(Beginning of Entries provided)
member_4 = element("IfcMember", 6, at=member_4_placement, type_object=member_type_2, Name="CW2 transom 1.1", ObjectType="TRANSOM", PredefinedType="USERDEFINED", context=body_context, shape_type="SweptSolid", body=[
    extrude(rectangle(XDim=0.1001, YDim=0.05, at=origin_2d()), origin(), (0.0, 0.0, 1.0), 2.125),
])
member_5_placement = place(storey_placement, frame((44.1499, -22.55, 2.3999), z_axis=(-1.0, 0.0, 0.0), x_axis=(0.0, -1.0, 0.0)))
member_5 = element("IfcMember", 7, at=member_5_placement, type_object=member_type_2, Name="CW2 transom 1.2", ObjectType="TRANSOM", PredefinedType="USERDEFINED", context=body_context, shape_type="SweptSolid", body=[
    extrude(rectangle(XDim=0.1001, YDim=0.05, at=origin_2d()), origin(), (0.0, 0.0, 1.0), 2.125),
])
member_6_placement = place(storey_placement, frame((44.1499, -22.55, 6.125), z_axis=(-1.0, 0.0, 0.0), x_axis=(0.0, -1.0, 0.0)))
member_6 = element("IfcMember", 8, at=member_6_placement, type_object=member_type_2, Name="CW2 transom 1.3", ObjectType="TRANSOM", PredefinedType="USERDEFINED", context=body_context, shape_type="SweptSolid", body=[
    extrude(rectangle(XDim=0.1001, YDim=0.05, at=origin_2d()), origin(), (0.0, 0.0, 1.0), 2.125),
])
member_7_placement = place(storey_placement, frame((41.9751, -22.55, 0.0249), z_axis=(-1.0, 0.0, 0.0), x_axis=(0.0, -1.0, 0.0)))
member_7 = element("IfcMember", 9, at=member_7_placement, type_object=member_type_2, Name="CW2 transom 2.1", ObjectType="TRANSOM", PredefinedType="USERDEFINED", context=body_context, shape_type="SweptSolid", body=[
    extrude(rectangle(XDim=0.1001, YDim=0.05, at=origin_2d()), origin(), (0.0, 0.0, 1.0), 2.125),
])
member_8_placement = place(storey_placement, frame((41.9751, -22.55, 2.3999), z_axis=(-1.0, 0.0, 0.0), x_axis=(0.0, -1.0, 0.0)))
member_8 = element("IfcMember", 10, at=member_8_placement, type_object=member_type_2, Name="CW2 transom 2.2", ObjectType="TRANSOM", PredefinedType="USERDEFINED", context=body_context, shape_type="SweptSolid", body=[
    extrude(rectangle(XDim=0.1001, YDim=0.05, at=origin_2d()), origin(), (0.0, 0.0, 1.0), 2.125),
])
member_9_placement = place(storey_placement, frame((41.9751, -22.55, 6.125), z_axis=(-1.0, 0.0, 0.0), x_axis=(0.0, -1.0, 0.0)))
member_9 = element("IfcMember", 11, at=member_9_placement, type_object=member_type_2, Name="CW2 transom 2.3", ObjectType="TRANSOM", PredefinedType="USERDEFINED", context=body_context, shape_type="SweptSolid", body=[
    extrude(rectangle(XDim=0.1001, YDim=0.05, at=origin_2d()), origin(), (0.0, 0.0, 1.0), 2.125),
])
(End of Entries provided)
(Beginning of Entries provided)
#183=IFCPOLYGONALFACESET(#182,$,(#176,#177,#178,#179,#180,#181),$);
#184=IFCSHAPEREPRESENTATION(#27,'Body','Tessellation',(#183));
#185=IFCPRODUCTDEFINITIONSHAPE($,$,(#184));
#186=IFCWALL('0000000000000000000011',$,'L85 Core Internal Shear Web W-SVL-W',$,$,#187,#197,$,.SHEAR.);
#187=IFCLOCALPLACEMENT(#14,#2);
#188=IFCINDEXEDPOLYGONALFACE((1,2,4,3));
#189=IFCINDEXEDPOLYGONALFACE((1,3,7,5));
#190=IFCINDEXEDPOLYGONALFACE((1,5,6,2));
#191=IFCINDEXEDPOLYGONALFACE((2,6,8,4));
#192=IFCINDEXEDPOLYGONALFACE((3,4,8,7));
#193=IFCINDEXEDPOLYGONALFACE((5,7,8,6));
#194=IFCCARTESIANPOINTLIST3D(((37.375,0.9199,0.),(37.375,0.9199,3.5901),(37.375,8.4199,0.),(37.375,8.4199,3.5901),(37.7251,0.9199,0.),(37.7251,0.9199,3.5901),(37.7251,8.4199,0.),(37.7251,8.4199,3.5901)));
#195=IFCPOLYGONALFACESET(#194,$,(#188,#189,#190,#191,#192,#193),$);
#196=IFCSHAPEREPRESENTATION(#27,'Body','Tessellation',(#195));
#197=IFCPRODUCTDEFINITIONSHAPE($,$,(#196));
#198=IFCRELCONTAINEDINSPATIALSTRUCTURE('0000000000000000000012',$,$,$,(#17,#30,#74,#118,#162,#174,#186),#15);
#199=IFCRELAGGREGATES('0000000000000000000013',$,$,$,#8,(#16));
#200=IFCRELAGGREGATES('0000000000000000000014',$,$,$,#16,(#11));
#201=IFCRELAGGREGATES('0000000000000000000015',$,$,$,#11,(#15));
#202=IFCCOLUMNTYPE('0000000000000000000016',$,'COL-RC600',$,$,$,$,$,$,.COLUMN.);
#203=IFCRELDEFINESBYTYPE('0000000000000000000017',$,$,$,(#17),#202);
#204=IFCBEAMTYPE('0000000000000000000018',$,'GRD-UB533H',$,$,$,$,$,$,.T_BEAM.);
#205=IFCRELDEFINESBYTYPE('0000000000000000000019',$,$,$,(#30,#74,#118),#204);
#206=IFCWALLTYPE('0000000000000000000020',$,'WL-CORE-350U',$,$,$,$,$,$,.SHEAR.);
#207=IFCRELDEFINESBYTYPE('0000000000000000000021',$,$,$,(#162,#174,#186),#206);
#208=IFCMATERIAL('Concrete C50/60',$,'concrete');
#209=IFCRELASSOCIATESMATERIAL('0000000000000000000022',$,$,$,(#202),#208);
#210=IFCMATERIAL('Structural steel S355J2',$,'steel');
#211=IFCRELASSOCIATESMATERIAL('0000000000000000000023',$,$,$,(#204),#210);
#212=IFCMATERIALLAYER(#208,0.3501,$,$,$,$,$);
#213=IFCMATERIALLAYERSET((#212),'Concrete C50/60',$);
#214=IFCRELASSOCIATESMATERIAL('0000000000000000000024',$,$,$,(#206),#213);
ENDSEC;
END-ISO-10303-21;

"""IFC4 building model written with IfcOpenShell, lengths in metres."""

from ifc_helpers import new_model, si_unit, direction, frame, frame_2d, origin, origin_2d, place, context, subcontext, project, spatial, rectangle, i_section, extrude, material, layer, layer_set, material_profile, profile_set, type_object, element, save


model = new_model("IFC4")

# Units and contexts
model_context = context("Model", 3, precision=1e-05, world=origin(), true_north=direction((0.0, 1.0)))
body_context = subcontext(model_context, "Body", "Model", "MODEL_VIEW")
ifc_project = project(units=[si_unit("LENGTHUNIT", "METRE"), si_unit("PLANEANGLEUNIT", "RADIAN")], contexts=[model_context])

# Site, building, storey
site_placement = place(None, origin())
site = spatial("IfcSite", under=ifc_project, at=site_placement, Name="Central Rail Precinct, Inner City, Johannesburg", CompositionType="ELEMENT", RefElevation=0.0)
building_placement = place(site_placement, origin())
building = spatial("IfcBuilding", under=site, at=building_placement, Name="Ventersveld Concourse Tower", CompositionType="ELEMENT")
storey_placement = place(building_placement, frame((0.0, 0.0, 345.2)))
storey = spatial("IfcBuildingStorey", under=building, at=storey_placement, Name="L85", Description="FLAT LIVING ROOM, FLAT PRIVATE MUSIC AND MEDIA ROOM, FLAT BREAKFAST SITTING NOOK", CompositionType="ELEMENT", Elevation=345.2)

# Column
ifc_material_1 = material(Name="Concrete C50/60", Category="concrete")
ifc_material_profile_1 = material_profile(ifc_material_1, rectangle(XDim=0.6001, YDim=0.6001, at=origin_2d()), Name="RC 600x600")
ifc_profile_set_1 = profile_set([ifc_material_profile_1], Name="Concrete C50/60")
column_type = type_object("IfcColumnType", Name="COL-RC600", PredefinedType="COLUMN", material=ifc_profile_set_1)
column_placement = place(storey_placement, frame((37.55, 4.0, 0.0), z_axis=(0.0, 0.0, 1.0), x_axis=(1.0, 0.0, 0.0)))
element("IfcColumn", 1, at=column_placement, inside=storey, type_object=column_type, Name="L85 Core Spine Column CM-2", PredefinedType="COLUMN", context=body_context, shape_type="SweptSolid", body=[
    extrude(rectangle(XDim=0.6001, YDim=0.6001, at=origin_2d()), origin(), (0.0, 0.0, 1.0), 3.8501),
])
(End of Entries provided)
What you will do: Go through the material above, find each line with the string "IfcMember", and copy it.

Output of the exercise:
member_4 = element("IfcMember", 6, at=member_4_placement, type_object=member_type_2, Name="CW2 transom 1.1", ObjectType="TRANSOM", PredefinedType="USERDEFINED", context=body_context, shape_type="SweptSolid", body=[
member_5 = element("IfcMember", 7, at=member_5_placement, type_object=member_type_2, Name="CW2 transom 1.2", ObjectType="TRANSOM", PredefinedType="USERDEFINED", context=body_context, shape_type="SweptSolid", body=[
member_6 = element("IfcMember", 8, at=member_6_placement, type_object=member_type_2, Name="CW2 transom 1.3", ObjectType="TRANSOM", PredefinedType="USERDEFINED", context=body_context, shape_type="SweptSolid", body=[
member_7 = element("IfcMember", 9, at=member_7_placement, type_object=member_type_2, Name="CW2 transom 2.1", ObjectType="TRANSOM", PredefinedType="USERDEFINED", context=body_context, shape_type="SweptSolid", body=[
member_8 = element("IfcMember", 10, at=member_8_placement, type_object=member_type_2, Name="CW2 transom 2.2", ObjectType="TRANSOM", PredefinedType="USERDEFINED", context=body_context, shape_type="SweptSolid", body=[
member_9 = element("IfcMember", 11, at=member_9_placement, type_object=member_type_2, Name="CW2 transom 2.3", ObjectType="TRANSOM", PredefinedType="USERDEFINED", context=body_context, shape_type="SweptSolid", body=[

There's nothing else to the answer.